(Beginning of Material supplied)

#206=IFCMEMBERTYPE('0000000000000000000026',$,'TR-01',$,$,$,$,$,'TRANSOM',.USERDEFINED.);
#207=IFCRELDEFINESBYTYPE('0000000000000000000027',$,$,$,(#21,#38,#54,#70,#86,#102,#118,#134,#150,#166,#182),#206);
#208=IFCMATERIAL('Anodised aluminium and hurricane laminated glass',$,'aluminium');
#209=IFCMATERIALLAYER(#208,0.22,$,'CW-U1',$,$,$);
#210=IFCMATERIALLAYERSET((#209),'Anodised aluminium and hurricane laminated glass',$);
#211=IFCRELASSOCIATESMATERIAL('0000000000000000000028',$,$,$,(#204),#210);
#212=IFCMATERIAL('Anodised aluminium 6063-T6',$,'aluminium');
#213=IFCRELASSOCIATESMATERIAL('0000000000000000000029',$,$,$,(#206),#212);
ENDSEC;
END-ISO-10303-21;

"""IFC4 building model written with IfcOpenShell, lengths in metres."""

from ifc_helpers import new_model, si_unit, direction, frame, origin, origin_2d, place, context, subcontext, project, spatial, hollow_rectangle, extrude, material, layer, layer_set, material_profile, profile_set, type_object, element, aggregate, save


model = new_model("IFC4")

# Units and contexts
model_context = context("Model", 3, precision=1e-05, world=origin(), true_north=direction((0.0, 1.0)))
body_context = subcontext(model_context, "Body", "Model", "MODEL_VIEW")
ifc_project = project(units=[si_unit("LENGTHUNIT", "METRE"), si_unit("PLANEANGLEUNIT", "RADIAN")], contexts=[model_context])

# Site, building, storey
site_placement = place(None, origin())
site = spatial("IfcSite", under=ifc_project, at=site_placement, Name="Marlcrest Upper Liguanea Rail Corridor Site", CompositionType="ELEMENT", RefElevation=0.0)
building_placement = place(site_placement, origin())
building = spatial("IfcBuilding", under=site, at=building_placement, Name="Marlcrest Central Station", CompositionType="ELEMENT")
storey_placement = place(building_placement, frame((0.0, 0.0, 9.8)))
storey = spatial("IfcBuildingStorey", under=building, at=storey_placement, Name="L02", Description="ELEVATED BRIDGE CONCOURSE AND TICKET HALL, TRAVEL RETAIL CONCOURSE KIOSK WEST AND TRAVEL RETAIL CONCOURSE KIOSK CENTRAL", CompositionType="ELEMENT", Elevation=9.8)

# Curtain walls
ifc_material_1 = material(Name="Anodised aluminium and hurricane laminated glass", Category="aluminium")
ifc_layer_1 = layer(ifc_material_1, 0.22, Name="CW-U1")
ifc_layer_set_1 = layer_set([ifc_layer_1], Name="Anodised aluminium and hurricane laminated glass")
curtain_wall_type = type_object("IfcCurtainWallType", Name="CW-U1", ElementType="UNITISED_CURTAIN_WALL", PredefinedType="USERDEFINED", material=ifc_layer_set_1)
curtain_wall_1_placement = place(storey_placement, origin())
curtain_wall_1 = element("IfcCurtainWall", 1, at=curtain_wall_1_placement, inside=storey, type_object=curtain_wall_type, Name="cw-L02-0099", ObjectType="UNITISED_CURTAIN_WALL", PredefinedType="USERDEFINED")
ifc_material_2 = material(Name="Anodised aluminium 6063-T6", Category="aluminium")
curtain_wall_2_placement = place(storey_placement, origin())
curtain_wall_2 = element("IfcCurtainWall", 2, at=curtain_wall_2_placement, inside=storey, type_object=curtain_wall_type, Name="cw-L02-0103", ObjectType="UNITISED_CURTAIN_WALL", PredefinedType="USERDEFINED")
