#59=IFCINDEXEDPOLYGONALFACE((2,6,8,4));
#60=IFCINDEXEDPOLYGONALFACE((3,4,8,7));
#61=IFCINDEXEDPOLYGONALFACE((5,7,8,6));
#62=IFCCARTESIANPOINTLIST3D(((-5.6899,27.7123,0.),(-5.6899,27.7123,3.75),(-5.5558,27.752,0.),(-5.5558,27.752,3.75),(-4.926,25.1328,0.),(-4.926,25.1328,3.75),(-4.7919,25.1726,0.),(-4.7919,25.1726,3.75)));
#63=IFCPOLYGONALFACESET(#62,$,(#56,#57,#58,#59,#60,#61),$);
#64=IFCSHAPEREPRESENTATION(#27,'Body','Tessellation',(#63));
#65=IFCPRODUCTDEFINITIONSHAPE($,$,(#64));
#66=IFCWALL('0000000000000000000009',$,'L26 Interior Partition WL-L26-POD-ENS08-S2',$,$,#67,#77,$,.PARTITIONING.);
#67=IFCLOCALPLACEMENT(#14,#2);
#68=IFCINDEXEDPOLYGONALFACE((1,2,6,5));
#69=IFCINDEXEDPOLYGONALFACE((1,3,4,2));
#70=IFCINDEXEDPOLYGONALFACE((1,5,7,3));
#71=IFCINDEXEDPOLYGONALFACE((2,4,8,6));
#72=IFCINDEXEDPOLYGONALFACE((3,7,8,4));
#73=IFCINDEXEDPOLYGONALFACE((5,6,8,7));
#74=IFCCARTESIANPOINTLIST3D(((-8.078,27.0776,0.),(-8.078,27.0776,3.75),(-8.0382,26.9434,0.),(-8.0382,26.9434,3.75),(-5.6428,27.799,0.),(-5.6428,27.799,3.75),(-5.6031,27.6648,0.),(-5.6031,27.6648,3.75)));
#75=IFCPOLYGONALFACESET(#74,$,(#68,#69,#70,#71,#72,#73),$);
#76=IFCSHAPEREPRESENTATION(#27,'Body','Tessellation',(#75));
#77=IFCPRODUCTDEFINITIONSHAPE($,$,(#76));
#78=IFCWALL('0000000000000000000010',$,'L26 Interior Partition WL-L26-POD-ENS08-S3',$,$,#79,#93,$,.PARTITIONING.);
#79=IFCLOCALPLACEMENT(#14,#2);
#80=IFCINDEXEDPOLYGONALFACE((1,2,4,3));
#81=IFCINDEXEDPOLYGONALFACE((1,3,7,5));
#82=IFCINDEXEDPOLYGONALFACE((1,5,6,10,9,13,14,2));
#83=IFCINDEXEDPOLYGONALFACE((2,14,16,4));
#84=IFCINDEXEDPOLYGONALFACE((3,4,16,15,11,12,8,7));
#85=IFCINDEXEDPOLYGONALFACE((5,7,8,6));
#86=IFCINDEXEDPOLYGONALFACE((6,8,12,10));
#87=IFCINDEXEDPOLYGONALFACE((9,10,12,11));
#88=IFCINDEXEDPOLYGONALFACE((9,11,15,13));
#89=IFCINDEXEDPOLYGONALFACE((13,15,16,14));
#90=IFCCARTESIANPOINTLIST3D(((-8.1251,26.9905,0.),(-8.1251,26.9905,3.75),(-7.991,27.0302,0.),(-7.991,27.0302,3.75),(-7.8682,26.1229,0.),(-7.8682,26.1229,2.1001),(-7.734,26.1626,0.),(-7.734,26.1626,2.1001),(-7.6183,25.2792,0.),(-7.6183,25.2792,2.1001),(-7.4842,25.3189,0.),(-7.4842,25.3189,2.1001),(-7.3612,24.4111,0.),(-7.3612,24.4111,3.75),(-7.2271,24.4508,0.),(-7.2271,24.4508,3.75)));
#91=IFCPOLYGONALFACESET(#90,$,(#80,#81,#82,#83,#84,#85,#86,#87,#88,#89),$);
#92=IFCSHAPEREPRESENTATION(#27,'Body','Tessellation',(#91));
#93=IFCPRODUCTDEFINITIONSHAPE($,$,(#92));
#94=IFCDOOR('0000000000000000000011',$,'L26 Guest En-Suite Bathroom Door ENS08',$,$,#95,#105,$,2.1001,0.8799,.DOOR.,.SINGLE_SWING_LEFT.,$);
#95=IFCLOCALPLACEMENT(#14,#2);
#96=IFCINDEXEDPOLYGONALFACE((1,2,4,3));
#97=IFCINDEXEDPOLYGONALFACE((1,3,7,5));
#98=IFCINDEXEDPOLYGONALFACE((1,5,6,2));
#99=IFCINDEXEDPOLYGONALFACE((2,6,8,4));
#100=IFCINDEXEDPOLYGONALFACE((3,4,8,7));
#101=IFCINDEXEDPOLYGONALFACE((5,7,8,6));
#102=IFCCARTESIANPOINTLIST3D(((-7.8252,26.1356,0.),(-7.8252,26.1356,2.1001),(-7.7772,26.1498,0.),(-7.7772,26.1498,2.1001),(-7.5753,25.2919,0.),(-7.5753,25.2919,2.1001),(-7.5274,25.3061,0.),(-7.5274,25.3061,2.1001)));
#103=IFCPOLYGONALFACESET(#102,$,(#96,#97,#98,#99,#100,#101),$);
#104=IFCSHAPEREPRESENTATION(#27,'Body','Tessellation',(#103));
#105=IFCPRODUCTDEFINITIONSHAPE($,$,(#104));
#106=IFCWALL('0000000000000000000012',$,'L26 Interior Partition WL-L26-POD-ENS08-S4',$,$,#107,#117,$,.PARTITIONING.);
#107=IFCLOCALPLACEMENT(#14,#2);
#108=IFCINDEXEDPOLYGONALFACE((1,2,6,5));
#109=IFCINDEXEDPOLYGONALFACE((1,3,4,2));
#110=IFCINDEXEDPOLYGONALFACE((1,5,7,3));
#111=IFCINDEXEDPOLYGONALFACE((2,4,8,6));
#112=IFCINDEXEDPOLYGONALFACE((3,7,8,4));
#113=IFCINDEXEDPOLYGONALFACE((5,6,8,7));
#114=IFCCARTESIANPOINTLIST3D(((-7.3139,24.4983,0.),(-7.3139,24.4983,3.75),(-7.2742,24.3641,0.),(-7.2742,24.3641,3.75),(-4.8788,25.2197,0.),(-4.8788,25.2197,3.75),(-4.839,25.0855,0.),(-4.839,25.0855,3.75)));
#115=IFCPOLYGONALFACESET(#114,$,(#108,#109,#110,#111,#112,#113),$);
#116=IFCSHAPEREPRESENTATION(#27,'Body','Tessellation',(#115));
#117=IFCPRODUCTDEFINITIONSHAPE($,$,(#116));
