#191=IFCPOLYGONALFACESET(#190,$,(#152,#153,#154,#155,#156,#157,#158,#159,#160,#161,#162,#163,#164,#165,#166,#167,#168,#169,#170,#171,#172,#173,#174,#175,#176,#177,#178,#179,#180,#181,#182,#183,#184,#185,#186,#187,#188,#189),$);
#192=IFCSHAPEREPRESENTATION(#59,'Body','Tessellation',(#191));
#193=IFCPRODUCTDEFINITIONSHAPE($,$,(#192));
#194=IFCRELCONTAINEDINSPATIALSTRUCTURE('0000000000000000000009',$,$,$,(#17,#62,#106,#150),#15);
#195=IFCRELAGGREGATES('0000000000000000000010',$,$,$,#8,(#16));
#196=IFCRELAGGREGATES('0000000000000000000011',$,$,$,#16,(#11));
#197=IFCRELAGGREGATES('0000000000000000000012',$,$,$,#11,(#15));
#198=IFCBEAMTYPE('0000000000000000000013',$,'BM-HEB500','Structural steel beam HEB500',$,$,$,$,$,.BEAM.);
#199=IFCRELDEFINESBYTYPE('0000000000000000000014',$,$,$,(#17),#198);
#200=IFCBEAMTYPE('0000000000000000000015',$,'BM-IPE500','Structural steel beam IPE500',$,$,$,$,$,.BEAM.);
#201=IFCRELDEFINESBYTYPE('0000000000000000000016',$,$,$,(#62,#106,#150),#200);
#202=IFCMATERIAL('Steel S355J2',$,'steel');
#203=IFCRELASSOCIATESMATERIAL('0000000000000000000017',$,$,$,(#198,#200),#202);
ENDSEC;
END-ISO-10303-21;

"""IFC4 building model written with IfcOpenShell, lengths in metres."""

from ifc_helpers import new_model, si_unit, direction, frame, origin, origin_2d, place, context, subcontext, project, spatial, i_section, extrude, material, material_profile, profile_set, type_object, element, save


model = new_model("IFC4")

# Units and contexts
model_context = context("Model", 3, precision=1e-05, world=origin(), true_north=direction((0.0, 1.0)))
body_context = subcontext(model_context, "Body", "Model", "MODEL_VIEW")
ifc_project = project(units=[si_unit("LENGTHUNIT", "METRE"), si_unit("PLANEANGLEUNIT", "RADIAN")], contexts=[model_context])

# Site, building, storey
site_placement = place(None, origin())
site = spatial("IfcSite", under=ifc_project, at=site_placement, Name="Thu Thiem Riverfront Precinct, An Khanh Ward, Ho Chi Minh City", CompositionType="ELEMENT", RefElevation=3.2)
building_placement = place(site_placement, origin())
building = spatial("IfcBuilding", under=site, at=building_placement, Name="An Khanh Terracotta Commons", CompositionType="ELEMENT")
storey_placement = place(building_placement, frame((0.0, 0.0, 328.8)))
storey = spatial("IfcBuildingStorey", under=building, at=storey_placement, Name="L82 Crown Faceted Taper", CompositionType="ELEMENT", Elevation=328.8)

(End of Material supplied)

• [How to complete this task] This exercise asks for the line with "Riverfront Precinct, An" and all lines after it through the end of the records above, retyped exactly and with nothing else.

• [Expected output]
site = spatial("IfcSite", under=ifc_project, at=site_placement, Name="Thu Thiem Riverfront Precinct, An Khanh Ward, Ho Chi Minh City", CompositionType="ELEMENT", RefElevation=3.2)
building_placement = place(site_placement, origin())
building = spatial("IfcBuilding", under=site, at=building_placement, Name="An Khanh Terracotta Commons", CompositionType="ELEMENT")
storey_placement = place(building_placement, frame((0.0, 0.0, 328.8)))
storey = spatial("IfcBuildingStorey", under=building, at=storey_placement, Name="L82 Crown Faceted Taper", CompositionType="ELEMENT", Elevation=328.8)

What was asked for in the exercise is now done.